[Data for processing — start]

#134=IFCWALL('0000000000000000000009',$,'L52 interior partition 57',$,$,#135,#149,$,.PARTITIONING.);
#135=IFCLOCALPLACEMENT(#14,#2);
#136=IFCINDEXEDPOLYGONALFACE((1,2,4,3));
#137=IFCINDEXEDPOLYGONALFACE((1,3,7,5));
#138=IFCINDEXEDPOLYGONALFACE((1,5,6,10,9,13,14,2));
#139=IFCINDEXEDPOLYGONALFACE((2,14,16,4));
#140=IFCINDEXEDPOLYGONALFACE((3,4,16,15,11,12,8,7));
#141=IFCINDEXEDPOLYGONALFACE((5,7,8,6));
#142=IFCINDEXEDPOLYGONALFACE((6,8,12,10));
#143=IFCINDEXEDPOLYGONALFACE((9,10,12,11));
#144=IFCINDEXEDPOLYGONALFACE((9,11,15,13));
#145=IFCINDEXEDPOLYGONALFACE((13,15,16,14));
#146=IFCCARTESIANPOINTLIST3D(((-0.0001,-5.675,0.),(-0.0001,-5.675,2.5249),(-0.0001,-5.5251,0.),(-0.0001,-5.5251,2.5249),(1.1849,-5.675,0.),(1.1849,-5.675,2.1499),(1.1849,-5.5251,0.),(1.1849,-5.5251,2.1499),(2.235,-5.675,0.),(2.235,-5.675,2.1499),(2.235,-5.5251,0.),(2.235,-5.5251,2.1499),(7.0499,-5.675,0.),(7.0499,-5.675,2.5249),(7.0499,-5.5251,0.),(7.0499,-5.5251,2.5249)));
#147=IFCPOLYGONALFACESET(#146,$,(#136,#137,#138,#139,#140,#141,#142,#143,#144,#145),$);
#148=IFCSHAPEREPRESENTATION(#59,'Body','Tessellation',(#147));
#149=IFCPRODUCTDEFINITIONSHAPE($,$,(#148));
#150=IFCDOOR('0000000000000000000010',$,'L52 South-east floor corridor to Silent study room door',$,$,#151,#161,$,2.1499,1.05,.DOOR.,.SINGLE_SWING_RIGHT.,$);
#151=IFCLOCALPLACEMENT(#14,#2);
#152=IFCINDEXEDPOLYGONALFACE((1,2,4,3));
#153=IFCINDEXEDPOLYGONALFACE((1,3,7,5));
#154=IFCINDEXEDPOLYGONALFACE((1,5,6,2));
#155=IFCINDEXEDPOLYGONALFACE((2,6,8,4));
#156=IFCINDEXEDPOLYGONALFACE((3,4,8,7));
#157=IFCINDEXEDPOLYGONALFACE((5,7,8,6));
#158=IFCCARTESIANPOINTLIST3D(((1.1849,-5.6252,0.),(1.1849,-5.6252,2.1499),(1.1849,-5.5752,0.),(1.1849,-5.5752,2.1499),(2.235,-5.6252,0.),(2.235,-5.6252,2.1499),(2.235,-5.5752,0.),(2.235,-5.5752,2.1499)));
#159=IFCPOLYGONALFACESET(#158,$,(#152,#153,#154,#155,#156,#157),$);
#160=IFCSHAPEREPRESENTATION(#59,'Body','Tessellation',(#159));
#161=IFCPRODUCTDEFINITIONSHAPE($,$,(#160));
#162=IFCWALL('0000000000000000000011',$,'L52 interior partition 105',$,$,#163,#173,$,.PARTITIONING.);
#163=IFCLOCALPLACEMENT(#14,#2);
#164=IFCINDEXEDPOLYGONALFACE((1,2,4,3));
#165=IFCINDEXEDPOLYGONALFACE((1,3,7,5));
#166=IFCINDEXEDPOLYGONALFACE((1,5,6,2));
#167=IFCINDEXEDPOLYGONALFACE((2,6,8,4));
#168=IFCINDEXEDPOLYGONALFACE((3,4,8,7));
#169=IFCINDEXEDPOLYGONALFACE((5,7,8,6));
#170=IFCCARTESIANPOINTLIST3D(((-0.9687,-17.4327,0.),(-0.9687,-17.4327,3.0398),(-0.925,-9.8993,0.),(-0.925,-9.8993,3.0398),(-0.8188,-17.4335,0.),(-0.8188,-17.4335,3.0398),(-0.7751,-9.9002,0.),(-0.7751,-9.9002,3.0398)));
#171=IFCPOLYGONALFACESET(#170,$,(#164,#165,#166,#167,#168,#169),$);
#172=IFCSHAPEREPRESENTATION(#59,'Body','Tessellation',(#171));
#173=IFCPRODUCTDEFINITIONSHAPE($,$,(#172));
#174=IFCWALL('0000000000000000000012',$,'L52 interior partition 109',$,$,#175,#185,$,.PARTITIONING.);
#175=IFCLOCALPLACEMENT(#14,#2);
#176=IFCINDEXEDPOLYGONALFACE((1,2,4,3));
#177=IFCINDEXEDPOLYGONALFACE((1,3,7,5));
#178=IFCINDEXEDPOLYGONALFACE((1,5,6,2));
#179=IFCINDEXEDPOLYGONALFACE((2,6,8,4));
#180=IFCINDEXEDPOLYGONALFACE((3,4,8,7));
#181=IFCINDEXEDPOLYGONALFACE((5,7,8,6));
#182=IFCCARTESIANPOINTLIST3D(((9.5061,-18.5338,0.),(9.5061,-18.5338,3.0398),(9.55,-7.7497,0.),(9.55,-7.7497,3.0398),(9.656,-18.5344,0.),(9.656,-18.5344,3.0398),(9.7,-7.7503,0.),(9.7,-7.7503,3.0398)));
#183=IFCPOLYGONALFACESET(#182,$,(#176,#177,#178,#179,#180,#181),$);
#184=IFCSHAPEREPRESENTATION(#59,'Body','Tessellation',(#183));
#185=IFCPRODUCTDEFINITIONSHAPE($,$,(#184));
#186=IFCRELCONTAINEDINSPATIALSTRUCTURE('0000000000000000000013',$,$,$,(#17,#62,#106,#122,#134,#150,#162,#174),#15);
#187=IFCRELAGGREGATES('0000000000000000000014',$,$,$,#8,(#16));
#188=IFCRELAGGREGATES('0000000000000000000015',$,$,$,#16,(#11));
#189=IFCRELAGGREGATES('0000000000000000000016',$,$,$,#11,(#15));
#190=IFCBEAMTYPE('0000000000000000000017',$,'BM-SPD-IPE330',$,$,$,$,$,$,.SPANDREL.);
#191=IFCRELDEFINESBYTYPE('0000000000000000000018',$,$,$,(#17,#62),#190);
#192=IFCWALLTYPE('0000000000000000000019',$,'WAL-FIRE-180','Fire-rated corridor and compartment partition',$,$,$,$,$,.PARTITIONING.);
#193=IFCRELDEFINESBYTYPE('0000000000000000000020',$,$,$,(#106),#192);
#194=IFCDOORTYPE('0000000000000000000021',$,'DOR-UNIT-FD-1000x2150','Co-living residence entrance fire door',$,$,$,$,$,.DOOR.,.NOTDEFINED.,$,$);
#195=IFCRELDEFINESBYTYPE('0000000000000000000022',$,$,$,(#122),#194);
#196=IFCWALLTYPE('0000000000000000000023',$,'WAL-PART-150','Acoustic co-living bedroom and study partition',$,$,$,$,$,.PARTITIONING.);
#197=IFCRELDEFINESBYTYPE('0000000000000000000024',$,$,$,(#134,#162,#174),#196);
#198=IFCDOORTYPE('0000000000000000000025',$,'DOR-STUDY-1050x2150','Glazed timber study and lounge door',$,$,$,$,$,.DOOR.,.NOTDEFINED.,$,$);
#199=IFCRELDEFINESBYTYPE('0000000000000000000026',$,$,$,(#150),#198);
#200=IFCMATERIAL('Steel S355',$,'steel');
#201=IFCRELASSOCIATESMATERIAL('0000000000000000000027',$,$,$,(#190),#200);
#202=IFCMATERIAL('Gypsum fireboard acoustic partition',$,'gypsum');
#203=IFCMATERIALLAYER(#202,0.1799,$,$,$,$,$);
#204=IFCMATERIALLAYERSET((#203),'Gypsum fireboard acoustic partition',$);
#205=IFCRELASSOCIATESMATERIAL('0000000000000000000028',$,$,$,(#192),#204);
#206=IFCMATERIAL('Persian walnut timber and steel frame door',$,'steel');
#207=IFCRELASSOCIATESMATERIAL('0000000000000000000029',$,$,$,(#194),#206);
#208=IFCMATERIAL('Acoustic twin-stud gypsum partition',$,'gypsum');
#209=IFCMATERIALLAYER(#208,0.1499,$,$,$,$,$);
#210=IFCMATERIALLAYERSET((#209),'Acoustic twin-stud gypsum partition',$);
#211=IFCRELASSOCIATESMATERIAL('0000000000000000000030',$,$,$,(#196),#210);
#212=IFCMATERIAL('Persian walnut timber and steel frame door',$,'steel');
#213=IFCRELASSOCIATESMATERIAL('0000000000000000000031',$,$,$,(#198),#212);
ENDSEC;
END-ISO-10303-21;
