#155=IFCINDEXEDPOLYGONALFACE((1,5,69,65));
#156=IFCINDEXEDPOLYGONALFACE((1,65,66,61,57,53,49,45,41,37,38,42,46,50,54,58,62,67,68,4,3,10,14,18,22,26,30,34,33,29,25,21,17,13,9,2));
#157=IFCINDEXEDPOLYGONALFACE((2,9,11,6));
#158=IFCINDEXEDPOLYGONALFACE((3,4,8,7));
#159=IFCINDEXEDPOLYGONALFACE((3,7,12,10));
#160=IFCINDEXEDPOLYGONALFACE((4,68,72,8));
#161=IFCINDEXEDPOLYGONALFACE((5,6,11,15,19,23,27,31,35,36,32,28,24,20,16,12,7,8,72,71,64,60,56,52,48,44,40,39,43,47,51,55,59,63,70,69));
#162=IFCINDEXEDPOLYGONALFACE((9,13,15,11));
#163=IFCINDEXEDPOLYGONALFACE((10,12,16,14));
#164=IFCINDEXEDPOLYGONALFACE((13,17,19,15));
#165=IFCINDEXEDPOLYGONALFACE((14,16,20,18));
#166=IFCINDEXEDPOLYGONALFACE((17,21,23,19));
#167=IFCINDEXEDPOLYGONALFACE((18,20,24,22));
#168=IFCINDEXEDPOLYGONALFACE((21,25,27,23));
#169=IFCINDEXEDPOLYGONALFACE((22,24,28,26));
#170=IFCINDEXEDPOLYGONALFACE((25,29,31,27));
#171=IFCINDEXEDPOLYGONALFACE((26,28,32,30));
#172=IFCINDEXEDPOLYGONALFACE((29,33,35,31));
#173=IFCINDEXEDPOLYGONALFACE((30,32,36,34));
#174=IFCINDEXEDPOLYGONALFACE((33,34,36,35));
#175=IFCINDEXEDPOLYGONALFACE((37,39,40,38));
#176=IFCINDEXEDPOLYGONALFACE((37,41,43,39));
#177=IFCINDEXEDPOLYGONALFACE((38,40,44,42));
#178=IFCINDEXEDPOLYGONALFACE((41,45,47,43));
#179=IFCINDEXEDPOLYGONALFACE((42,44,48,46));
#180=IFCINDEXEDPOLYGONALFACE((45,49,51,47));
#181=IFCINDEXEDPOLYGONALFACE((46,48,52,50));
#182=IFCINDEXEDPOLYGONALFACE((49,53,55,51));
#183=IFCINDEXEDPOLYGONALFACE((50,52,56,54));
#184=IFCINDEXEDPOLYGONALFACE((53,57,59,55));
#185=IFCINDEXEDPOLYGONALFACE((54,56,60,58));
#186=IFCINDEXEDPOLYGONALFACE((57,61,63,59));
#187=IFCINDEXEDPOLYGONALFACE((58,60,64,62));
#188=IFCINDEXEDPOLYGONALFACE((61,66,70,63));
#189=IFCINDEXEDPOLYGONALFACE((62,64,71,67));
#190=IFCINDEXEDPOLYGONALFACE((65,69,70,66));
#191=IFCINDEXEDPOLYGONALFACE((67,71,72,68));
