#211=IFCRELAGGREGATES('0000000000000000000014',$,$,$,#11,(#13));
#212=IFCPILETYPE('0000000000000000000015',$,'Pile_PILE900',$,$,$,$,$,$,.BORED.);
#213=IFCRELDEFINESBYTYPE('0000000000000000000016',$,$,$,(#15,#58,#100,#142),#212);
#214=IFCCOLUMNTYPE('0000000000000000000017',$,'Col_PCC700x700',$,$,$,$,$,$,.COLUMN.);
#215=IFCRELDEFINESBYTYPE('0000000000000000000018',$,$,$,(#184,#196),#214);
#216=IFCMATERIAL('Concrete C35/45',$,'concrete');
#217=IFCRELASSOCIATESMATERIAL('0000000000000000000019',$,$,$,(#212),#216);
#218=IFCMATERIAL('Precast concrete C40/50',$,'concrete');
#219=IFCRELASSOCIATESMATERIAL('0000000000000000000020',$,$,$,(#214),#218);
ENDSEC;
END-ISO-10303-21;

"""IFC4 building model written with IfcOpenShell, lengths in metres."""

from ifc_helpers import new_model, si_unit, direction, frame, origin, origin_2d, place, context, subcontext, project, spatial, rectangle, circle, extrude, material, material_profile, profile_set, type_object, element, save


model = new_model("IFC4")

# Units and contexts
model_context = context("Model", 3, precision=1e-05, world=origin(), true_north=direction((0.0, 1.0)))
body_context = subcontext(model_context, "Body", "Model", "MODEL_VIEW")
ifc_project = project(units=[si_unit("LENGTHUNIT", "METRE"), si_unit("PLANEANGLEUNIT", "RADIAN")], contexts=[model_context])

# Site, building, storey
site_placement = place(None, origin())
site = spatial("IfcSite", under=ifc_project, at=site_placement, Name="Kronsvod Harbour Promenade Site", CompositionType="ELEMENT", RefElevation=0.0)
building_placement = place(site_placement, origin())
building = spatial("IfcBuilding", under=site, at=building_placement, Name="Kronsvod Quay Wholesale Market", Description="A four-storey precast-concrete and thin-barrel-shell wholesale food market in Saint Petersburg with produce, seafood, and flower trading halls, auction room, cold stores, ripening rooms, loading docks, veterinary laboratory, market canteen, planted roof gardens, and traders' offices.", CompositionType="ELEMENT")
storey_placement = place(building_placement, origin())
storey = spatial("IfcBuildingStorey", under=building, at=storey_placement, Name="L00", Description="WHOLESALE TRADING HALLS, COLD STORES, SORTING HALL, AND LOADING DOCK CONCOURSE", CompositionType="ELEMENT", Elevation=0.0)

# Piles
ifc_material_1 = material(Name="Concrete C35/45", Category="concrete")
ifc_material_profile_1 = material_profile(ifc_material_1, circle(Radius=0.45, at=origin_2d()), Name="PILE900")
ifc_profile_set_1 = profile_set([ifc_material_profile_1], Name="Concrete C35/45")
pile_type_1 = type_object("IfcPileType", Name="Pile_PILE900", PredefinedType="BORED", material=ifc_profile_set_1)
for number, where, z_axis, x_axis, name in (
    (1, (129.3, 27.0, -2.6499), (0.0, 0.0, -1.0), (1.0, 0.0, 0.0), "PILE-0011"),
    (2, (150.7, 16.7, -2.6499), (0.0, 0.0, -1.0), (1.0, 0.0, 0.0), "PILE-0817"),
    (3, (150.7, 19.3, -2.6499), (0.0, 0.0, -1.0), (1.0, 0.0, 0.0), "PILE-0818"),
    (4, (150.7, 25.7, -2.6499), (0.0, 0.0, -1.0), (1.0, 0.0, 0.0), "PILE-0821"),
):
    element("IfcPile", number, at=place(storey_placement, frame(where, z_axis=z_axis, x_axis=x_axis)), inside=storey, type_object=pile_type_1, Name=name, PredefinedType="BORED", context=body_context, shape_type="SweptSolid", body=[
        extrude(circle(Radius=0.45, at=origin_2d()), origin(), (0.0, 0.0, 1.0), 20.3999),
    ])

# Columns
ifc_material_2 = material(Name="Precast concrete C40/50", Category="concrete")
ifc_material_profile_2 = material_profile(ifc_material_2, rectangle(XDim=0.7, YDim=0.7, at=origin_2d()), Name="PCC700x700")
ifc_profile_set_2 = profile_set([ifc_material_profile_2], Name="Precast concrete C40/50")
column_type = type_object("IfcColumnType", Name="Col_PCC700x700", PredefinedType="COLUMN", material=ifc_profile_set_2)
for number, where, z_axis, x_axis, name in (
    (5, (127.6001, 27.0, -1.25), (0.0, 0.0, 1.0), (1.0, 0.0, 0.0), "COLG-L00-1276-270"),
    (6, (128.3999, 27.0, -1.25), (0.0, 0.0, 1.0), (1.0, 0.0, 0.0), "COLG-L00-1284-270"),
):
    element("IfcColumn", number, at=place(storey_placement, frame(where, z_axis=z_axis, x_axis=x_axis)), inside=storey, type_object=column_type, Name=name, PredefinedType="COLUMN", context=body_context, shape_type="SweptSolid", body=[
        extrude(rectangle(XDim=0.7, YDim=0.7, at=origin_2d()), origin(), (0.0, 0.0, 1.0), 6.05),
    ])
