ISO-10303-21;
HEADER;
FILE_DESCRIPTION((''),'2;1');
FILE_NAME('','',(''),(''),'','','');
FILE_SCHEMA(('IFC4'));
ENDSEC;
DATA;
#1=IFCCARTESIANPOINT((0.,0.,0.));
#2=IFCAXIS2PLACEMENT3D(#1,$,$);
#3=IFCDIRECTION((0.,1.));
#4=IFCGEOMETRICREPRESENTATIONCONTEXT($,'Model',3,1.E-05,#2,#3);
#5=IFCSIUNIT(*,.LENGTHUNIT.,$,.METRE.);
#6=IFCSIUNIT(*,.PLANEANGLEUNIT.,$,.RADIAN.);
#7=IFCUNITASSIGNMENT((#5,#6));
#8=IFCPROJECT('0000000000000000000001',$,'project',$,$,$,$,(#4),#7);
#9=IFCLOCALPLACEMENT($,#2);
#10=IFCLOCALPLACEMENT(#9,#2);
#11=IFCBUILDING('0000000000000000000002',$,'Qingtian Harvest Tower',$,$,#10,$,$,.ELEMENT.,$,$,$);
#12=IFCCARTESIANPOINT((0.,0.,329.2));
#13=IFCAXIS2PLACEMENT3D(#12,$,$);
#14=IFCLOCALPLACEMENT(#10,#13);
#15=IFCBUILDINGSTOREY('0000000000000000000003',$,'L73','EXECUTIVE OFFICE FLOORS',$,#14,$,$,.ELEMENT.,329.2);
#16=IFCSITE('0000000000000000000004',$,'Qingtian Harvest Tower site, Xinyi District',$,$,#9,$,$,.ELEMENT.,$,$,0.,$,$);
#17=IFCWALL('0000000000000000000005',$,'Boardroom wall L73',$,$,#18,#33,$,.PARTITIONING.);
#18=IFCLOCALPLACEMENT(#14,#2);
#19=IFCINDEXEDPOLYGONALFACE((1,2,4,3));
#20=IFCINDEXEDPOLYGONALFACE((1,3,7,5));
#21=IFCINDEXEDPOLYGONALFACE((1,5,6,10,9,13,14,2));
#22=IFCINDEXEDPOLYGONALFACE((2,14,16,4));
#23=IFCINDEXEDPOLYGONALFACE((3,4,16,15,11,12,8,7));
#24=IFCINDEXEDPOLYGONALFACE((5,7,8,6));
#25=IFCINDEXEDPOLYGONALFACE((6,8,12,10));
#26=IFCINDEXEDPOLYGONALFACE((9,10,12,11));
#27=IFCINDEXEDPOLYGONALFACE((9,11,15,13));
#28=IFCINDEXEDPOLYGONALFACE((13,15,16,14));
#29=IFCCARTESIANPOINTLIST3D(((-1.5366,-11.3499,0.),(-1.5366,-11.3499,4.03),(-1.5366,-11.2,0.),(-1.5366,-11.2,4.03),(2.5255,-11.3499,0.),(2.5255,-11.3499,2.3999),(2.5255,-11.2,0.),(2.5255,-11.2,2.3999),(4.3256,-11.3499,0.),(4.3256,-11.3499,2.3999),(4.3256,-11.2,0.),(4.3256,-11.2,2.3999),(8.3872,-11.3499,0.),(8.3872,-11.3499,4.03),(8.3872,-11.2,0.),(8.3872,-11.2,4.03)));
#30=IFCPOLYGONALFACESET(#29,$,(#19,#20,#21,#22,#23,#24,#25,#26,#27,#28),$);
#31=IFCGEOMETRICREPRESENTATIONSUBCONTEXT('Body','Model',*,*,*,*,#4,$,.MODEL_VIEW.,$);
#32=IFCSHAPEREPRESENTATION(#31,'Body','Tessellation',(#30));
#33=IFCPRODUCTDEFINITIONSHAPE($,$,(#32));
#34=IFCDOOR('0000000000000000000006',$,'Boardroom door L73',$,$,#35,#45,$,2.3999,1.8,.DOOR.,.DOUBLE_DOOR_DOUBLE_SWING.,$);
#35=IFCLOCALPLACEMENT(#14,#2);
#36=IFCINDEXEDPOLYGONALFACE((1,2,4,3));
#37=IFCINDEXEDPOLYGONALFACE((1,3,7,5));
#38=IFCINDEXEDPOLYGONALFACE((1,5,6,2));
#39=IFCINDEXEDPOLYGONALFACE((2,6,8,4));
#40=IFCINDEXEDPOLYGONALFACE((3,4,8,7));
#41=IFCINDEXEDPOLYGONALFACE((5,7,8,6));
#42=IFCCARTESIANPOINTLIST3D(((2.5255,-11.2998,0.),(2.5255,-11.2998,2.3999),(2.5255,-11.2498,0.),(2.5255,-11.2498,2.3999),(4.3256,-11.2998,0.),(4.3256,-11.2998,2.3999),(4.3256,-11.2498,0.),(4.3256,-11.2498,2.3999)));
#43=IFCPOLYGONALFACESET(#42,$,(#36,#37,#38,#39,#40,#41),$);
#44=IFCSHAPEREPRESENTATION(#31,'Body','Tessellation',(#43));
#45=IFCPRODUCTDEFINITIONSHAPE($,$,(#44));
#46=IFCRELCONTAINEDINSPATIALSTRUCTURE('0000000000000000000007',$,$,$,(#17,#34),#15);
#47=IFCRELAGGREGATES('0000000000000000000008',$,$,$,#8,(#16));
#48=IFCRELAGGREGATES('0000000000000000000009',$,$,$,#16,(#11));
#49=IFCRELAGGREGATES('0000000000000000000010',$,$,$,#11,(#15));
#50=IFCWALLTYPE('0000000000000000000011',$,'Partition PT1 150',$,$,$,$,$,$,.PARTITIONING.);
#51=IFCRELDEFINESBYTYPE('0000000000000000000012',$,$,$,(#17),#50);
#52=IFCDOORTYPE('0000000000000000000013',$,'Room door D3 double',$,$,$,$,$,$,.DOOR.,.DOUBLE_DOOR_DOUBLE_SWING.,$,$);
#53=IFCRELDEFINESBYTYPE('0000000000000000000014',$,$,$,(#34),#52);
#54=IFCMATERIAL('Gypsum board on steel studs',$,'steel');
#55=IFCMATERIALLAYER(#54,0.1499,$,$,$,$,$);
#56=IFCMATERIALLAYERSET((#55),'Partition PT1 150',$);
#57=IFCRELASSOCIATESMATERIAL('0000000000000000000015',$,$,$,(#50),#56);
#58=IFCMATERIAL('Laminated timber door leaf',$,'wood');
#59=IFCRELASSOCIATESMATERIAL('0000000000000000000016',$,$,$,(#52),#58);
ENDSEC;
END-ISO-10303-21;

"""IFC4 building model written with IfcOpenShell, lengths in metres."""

from ifc_helpers import new_model, si_unit, direction, frame, frame_2d, origin, place, context, subcontext, project, spatial, rectangle, extrude, material, layer, layer_set, type_object, element, fill, save


model = new_model("IFC4")

# Units and contexts
model_context = context("Model", 3, precision=1e-05, world=origin(), true_north=direction((0.0, 1.0)))
body_context = subcontext(model_context, "Body", "Model", "MODEL_VIEW")
ifc_project = project(units=[si_unit("LENGTHUNIT", "METRE"), si_unit("PLANEANGLEUNIT", "RADIAN")], contexts=[model_context])

# Site, building, storey
site_placement = place(None, origin())
site = spatial("IfcSite", under=ifc_project, at=site_placement, Name="Qingtian Harvest Tower site, Xinyi District", CompositionType="ELEMENT", RefElevation=0.0)
building_placement = place(site_placement, origin())
building = spatial("IfcBuilding", under=site, at=building_placement, Name="Qingtian Harvest Tower", CompositionType="ELEMENT")
storey_placement = place(building_placement, frame((0.0, 0.0, 329.2)))
storey = spatial("IfcBuildingStorey", under=building, at=storey_placement, Name="L73", Description="EXECUTIVE OFFICE FLOORS", CompositionType="ELEMENT", Elevation=329.2)

# Wall, opening, door
ifc_material_1 = material(Name="Gypsum board on steel studs", Category="steel")
ifc_layer_1 = layer(ifc_material_1, 0.1499)
ifc_layer_set_1 = layer_set([ifc_layer_1], Name="Partition PT1 150")
wall_type_1 = type_object("IfcWallType", Name="Partition PT1 150", PredefinedType="PARTITIONING", material=ifc_layer_set_1)
wall_1_placement = place(storey_placement, frame((8.3872, -11.2749, 0.0), z_axis=(0.0, 0.0, 1.0), x_axis=(-1.0, 0.0, 0.0)))
wall_1 = element("IfcWall", 1, at=wall_1_placement, inside=storey, type_object=wall_type_1, Name="Boardroom wall L73", PredefinedType="PARTITIONING", context=body_context, shape_type="SweptSolid", body=[
    extrude(rectangle(XDim=9.9238, YDim=0.1499, at=frame_2d((4.9619, 0.0))), origin(), (0.0, 0.0, 1.0), 4.03),
])
opening_1_placement = place(wall_1_placement, frame((4.0618, 0.0, 0.0)))
opening_1 = element("IfcOpeningElement", 2, at=opening_1_placement, cuts=wall_1, PredefinedType="OPENING", context=body_context, shape_type="SweptSolid", body=[
    extrude(rectangle(XDim=1.8, YDim=2.3999, at=frame_2d((0.8999, 1.2))), frame((0.0, 0.085, 0.0), z_axis=(0.0, -1.0, 0.0), x_axis=(1.0, 0.0, 0.0)), (0.0, 0.0, 1.0), 0.1699),
])
ifc_material_2 = material(Name="Laminated timber door leaf", Category="wood")
door_type_1 = type_object("IfcDoorType", Name="Room door D3 double", OperationType="DOUBLE_DOOR_DOUBLE_SWING", PredefinedType="DOOR", material=ifc_material_2)
door_1_placement = place(opening_1_placement, origin())
door_1 = element("IfcDoor", 3, at=door_1_placement, inside=storey, type_object=door_type_1, Name="Boardroom door L73", OperationType="DOUBLE_DOOR_DOUBLE_SWING", OverallHeight=2.3999, OverallWidth=1.8, PredefinedType="DOOR", context=body_context, shape_type="SweptSolid", body=[
    extrude(rectangle(XDim=1.8, YDim=2.3999, at=frame_2d((0.8999, 1.2))), frame((0.0, 0.0249, 0.0), z_axis=(0.0, -1.0, 0.0), x_axis=(1.0, 0.0, 0.0)), (0.0, 0.0, 1.0), 0.05),
])
fill(opening_1, door_1)

save(model, "model.ifc")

[Data for processing — finish]

* Problem to solve *
Print the material above verbatim, first line through the line containing "#139=IFCINDEXEDPOLYGONALFACE((2,14,16,4));", both included.

* Result of the exercise *
#134=IFCWALL('0000000000000000000009',$,'L52 interior partition 57',$,$,#135,#149,$,.PARTITIONING.);
#135=IFCLOCALPLACEMENT(#14,#2);
#136=IFCINDEXEDPOLYGONALFACE((1,2,4,3));
#137=IFCINDEXEDPOLYGONALFACE((1,3,7,5));
#138=IFCINDEXEDPOLYGONALFACE((1,5,6,10,9,13,14,2));
#139=IFCINDEXEDPOLYGONALFACE((2,14,16,4));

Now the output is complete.